• **BRIEF**
Copy out each line of the material in which the word "IFCLOCALPLACEMENT" appears.

• **INFORMATION SHOWN**

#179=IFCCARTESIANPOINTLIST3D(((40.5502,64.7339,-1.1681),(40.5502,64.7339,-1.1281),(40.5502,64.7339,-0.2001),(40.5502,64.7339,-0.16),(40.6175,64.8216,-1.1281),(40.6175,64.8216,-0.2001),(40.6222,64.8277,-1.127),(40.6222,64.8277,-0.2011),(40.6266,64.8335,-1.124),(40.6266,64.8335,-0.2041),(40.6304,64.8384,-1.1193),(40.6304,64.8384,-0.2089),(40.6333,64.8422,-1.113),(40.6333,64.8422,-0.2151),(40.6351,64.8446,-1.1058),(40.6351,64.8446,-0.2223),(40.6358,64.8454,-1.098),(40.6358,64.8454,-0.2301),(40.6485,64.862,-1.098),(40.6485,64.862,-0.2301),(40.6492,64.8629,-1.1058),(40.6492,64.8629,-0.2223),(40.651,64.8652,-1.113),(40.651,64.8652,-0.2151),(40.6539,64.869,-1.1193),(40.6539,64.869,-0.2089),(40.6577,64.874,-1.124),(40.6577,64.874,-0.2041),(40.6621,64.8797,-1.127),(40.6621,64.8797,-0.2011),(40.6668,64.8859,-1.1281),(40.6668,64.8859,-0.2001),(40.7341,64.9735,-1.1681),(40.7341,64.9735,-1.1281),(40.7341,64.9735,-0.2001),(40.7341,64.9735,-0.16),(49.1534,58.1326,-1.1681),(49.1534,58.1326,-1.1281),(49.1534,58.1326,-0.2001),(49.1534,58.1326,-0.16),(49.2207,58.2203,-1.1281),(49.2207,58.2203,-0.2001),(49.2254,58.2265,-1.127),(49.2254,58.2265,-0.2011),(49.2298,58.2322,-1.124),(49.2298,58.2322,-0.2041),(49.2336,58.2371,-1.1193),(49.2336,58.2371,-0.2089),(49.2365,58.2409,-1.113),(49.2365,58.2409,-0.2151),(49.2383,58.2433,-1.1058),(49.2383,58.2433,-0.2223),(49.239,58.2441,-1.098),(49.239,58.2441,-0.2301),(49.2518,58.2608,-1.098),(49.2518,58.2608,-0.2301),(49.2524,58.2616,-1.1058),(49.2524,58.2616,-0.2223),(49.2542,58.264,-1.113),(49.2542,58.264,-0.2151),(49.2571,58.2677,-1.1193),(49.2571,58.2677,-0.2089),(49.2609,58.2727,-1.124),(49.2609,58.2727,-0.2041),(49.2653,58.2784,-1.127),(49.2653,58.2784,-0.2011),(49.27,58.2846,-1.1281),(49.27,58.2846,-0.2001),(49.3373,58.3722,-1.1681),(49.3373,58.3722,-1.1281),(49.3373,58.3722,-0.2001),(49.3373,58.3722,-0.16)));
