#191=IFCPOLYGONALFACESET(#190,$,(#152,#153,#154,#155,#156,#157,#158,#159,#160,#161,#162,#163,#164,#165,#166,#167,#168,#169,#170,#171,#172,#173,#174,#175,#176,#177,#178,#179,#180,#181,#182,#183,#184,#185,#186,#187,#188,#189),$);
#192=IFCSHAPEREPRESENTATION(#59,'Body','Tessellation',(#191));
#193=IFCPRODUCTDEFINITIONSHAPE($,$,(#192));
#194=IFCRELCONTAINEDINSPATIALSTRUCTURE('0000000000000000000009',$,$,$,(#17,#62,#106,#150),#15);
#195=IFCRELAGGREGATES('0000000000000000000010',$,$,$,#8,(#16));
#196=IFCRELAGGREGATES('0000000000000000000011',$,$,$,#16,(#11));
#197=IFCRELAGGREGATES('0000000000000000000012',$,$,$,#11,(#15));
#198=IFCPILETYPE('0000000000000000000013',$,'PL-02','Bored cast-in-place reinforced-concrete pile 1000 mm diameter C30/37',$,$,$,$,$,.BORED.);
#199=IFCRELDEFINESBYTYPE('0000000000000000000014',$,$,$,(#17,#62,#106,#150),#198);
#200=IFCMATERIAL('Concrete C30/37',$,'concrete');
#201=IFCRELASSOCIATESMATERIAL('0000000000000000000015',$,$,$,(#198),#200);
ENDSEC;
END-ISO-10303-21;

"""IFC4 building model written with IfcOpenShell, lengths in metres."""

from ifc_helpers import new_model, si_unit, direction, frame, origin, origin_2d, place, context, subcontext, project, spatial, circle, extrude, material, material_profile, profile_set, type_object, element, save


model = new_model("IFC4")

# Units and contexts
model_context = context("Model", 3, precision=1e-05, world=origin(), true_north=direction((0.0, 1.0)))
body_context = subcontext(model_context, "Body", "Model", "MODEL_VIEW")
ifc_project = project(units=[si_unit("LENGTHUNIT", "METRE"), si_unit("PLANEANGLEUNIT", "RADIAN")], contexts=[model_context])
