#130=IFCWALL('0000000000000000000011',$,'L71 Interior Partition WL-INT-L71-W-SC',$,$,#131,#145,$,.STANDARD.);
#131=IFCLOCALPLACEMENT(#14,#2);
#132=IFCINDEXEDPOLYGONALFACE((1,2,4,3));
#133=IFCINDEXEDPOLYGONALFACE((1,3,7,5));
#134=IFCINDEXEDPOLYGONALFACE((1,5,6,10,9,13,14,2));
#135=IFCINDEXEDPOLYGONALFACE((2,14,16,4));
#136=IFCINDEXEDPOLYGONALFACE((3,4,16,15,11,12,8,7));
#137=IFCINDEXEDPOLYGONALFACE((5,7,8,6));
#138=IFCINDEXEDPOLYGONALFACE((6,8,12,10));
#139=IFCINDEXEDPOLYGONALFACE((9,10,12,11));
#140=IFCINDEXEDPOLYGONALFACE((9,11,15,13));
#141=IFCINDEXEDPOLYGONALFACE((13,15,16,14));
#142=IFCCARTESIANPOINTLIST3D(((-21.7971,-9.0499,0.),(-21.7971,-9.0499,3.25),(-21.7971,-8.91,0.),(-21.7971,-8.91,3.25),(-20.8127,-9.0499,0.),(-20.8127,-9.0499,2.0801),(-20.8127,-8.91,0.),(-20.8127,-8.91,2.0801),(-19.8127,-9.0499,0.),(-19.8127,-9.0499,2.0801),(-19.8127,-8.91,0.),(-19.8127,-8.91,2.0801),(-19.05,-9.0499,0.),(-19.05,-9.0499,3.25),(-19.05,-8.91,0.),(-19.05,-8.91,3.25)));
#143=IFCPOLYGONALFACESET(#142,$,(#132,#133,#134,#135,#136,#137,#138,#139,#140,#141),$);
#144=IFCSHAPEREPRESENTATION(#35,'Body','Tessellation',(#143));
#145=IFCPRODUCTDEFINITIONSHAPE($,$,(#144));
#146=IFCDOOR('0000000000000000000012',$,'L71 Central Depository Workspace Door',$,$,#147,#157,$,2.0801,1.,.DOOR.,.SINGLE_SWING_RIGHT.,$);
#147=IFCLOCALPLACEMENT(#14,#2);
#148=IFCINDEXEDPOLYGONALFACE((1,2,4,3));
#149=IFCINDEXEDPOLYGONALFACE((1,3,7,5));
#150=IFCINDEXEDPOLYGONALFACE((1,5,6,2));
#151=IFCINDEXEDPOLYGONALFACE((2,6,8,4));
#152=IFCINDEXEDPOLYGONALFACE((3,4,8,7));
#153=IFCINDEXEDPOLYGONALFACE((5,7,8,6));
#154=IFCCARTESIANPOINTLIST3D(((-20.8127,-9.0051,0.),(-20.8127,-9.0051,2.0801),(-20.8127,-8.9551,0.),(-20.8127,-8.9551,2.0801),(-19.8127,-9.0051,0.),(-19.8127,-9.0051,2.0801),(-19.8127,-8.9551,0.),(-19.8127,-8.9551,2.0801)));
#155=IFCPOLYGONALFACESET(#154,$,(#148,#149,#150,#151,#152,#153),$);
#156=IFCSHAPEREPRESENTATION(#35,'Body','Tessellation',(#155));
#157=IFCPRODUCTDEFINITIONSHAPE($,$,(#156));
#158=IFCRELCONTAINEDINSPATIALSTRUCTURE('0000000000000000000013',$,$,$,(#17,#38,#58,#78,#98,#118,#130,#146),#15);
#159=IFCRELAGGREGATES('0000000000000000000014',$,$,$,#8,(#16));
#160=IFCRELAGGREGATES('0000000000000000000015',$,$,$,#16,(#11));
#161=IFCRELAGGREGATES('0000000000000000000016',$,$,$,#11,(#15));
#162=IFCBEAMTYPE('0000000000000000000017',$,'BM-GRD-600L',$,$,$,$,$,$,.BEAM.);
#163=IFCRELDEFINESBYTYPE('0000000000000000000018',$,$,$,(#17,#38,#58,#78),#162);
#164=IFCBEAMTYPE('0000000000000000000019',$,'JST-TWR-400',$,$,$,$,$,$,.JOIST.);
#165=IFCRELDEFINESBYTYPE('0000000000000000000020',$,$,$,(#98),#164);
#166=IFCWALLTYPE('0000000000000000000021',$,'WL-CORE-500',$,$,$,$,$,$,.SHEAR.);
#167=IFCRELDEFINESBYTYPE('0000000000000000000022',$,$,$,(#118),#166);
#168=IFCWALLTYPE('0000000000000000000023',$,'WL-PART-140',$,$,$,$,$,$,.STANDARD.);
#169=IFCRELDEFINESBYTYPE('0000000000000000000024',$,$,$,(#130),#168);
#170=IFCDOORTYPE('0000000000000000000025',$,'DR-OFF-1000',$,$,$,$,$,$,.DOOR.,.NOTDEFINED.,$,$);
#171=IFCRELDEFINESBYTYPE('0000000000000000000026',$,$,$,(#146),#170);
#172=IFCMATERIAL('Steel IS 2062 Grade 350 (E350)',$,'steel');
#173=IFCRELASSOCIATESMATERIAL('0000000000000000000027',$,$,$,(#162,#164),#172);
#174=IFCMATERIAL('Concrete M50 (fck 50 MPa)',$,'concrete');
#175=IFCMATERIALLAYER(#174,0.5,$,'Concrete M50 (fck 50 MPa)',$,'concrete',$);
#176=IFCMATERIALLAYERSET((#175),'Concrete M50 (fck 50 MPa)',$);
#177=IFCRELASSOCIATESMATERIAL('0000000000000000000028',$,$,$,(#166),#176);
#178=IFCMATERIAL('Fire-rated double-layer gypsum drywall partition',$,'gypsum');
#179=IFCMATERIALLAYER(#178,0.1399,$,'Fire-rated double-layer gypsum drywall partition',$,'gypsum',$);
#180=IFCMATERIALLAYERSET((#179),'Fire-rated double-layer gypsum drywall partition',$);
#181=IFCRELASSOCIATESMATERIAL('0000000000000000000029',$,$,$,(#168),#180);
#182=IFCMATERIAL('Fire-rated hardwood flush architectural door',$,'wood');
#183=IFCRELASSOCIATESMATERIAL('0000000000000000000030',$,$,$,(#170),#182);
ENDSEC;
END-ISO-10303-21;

• **SOLVED PROBLEM**
#131=IFCLOCALPLACEMENT(#14,#2);
#147=IFCLOCALPLACEMENT(#14,#2);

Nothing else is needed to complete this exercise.